___ GIVEN RECORDS ___

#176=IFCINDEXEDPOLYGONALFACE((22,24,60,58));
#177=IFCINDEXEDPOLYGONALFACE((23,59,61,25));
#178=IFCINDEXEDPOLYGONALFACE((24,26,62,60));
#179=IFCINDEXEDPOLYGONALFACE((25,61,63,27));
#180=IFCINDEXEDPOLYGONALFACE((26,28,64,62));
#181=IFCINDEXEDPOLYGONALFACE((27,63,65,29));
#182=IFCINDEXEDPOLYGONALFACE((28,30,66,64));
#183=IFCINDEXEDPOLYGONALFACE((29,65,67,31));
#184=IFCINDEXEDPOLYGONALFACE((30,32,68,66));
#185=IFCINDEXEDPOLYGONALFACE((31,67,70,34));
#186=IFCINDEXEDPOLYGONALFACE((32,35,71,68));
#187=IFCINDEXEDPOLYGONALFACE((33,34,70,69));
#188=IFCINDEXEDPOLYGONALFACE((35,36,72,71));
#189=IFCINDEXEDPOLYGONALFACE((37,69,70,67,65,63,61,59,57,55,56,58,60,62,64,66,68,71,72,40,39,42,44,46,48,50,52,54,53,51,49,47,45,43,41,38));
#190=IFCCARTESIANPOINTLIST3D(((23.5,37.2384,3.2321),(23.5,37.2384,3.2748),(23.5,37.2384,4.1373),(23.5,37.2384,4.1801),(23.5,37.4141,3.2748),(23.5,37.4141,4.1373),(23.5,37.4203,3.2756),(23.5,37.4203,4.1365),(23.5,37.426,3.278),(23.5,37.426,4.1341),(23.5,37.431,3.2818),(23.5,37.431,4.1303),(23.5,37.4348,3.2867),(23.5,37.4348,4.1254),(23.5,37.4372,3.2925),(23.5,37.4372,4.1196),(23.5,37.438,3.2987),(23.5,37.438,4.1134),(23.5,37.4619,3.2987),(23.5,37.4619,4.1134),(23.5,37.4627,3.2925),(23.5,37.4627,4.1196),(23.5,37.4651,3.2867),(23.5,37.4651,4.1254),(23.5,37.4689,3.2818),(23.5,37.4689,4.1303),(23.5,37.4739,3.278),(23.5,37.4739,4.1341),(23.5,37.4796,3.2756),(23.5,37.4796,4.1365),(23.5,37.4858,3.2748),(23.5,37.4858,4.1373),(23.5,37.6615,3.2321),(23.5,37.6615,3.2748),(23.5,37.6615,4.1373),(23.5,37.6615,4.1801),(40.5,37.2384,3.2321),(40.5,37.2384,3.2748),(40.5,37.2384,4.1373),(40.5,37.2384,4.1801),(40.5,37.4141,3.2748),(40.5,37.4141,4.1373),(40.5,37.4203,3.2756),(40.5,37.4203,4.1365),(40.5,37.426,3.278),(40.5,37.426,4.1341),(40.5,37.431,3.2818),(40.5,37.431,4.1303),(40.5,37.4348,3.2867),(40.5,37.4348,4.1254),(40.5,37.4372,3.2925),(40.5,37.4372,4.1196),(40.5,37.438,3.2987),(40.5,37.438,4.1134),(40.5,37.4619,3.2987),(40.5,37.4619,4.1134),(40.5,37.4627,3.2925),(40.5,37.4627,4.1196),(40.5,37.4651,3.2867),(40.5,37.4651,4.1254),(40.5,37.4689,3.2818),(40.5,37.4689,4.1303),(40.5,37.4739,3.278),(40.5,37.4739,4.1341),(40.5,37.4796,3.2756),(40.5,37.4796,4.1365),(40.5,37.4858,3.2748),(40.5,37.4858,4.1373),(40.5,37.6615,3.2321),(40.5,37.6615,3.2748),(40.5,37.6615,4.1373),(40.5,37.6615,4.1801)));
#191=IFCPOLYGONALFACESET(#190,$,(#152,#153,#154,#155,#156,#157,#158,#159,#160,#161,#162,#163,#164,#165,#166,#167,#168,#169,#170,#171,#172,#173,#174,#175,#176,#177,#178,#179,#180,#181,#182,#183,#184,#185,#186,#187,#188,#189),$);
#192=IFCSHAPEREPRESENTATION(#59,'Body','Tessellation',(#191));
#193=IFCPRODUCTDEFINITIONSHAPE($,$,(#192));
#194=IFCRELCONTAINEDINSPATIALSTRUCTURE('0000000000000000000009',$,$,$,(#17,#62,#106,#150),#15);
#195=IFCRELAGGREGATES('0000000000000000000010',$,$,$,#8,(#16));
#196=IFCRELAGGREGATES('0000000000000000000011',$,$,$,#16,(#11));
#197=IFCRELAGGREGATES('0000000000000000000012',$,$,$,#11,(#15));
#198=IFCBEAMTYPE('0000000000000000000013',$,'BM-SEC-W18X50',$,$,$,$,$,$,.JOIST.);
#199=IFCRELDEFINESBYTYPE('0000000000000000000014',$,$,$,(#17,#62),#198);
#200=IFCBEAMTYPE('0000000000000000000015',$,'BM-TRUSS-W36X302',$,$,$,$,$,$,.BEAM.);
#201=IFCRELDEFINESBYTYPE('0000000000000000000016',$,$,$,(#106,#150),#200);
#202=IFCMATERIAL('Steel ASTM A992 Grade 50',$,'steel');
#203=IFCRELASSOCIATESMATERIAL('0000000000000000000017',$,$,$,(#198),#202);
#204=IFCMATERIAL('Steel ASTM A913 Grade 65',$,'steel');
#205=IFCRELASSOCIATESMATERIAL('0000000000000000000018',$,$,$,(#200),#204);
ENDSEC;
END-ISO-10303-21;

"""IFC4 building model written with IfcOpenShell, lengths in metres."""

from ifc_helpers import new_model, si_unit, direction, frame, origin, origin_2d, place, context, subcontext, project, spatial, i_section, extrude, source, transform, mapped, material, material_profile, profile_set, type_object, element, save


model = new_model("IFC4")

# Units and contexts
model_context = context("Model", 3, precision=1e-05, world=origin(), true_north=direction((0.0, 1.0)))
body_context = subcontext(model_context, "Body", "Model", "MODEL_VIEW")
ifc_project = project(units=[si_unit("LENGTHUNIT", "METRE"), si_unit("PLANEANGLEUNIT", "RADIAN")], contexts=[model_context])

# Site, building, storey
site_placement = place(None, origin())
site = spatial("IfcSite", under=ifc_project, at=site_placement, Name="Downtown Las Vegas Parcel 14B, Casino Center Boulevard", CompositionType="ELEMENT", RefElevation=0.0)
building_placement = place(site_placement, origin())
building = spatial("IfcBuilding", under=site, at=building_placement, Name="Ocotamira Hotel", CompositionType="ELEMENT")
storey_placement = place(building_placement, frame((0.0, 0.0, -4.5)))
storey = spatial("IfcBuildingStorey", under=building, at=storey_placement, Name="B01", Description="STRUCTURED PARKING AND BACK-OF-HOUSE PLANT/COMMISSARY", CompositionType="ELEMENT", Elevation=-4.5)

___

Out of the data above, give again only the lines starting at the one holding "#181=IFCINDEXEDPOLYGONALFACE((27,63,65,29));" and ending at the one holding "#188=IFCINDEXEDPOLYGONALFACE((35,36,72,71));", unchanged.

• _SOLUTION_
#181=IFCINDEXEDPOLYGONALFACE((27,63,65,29));
#182=IFCINDEXEDPOLYGONALFACE((28,30,66,64));
#183=IFCINDEXEDPOLYGONALFACE((29,65,67,31));
#184=IFCINDEXEDPOLYGONALFACE((30,32,68,66));
#185=IFCINDEXEDPOLYGONALFACE((31,67,70,34));
#186=IFCINDEXEDPOLYGONALFACE((32,35,71,68));
#187=IFCINDEXEDPOLYGONALFACE((33,34,70,69));
#188=IFCINDEXEDPOLYGONALFACE((35,36,72,71));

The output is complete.